- Opening Delimiter -

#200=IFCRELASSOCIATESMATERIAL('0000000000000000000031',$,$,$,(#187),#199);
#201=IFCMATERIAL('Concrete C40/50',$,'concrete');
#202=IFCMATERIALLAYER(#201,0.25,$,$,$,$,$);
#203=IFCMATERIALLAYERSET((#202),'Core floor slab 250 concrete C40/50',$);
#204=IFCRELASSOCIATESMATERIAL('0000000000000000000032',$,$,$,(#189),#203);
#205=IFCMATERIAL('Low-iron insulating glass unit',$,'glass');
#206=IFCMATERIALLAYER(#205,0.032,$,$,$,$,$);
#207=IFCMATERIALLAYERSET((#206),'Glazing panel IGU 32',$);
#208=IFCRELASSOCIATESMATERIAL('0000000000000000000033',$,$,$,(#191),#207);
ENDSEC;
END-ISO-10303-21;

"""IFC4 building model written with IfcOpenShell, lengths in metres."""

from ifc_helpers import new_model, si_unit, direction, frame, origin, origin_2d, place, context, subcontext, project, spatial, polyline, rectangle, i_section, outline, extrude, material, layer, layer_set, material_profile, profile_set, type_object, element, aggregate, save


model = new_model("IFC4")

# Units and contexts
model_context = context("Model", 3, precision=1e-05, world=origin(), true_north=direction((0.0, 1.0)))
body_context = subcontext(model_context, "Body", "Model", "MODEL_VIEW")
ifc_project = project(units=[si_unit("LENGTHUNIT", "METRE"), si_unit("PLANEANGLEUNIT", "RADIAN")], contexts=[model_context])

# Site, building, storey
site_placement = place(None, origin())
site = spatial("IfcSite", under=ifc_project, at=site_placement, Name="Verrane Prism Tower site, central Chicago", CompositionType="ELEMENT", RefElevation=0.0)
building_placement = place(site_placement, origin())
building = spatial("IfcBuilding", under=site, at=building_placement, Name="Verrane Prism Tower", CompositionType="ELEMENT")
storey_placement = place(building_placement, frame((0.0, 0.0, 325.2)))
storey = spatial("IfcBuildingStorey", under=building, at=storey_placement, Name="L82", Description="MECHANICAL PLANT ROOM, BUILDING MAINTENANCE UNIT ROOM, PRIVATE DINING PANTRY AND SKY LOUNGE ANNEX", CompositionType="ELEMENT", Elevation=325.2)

- Closing Delimiter -
- Opening Delimiter -

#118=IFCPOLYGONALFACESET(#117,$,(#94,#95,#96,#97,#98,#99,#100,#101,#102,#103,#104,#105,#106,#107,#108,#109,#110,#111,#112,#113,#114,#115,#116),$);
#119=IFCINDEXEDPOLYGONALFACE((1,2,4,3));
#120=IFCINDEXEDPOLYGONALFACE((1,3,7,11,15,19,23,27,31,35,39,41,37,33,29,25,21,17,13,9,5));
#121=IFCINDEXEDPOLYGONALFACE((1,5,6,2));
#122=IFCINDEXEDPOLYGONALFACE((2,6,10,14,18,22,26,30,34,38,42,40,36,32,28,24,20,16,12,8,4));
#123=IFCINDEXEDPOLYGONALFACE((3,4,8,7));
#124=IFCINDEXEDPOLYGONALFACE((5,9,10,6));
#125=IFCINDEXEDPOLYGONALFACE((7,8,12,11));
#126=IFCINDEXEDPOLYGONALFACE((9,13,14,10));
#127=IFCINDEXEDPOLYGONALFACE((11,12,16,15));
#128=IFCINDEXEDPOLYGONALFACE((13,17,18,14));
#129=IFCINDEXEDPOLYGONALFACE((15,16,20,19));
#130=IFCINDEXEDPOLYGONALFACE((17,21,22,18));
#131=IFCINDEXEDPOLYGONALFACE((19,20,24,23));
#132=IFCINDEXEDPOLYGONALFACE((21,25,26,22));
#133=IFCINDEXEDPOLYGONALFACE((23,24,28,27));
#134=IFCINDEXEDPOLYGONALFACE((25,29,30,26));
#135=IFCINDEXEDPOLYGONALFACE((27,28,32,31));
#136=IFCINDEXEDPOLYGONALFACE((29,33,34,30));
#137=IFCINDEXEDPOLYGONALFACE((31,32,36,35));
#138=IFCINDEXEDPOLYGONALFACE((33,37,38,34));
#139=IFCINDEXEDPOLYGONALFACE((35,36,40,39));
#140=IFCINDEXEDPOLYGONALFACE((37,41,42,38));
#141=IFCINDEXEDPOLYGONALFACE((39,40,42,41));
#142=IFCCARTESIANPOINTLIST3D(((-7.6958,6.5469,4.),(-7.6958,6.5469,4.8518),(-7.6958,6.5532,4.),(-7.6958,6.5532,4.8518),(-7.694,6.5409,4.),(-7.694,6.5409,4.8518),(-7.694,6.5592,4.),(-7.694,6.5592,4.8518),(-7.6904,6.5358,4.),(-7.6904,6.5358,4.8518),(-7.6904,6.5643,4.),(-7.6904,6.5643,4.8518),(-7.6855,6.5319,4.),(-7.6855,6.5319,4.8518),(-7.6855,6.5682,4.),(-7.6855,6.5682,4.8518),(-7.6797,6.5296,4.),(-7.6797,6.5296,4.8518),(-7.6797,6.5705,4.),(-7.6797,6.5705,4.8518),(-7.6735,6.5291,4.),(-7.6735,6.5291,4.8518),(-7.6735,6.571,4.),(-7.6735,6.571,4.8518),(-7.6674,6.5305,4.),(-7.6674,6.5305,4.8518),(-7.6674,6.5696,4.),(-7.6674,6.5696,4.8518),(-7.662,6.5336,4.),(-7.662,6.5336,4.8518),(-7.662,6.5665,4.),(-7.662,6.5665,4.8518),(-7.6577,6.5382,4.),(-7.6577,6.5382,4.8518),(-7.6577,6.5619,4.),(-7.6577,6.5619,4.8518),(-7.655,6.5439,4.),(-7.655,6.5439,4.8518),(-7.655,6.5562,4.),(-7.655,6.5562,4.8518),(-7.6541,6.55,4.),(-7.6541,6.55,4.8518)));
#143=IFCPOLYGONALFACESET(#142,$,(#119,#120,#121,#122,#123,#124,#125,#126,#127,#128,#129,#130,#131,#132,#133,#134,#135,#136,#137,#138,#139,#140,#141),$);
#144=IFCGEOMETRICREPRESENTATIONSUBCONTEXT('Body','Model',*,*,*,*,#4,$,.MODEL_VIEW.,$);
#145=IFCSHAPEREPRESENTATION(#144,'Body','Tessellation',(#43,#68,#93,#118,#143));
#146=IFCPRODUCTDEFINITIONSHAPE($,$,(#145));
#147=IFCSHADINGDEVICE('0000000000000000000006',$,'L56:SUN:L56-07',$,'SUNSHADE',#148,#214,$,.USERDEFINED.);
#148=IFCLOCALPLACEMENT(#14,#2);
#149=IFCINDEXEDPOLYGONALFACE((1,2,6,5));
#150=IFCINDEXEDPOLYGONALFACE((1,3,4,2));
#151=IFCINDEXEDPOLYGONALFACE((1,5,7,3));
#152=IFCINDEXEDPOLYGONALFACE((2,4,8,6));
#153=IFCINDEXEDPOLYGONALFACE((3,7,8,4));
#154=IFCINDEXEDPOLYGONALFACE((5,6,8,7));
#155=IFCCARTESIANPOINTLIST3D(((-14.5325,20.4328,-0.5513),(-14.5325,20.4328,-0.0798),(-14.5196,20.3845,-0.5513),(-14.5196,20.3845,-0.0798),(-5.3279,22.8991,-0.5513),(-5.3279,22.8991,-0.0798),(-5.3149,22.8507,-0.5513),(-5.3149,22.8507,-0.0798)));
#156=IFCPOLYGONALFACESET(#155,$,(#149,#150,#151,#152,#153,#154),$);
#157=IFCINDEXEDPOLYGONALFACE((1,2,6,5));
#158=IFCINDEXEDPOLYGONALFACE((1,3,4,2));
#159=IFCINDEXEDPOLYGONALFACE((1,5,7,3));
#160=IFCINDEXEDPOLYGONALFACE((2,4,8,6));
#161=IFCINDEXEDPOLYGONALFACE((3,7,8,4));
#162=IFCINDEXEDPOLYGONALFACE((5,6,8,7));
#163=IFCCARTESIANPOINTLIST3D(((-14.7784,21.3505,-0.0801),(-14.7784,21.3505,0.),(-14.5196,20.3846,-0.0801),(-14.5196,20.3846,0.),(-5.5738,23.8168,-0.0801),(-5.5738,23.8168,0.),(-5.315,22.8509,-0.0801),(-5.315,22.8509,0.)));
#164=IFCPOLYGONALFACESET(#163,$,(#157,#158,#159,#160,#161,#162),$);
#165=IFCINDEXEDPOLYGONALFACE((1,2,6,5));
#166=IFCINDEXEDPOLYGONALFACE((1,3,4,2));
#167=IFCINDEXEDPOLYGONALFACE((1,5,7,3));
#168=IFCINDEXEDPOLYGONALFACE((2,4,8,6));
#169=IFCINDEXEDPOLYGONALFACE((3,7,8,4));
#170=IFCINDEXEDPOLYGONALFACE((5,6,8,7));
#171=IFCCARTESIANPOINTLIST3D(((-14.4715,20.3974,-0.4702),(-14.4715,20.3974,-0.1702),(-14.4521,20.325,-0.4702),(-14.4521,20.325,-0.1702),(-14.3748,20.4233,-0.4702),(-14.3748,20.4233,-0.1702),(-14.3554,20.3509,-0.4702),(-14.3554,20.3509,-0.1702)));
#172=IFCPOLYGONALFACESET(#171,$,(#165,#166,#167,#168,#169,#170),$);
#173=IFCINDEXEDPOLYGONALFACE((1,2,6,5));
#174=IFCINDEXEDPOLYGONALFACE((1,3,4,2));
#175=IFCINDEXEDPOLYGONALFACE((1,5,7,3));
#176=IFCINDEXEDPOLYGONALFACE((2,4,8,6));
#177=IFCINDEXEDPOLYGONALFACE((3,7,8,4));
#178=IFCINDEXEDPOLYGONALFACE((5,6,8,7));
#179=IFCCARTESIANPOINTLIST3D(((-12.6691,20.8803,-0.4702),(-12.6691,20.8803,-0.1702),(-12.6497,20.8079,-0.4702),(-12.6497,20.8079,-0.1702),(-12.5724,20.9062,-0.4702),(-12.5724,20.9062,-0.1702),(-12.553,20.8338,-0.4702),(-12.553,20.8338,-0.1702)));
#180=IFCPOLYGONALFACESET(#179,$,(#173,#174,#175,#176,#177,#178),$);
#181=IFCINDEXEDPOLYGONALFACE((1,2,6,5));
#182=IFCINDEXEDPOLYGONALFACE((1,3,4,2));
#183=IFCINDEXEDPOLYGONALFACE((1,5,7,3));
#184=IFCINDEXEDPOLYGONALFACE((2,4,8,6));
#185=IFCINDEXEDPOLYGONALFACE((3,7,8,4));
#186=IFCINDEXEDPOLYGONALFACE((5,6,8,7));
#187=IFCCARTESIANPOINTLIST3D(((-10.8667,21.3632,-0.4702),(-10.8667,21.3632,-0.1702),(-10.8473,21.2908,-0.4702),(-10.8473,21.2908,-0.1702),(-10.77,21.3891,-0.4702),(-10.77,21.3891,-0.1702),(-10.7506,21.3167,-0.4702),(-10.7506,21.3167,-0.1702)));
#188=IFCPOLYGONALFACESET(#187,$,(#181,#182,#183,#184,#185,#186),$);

- Closing Delimiter -

== PROBLEM DESCRIPTION ==
The word to find is "Prism". Copy every line of the data that holds it.

== FINISHED EXERCISE ==
site = spatial("IfcSite", under=ifc_project, at=site_placement, Name="Verrane Prism Tower site, central Chicago", CompositionType="ELEMENT", RefElevation=0.0)
building = spatial("IfcBuilding", under=site, at=building_placement, Name="Verrane Prism Tower", CompositionType="ELEMENT")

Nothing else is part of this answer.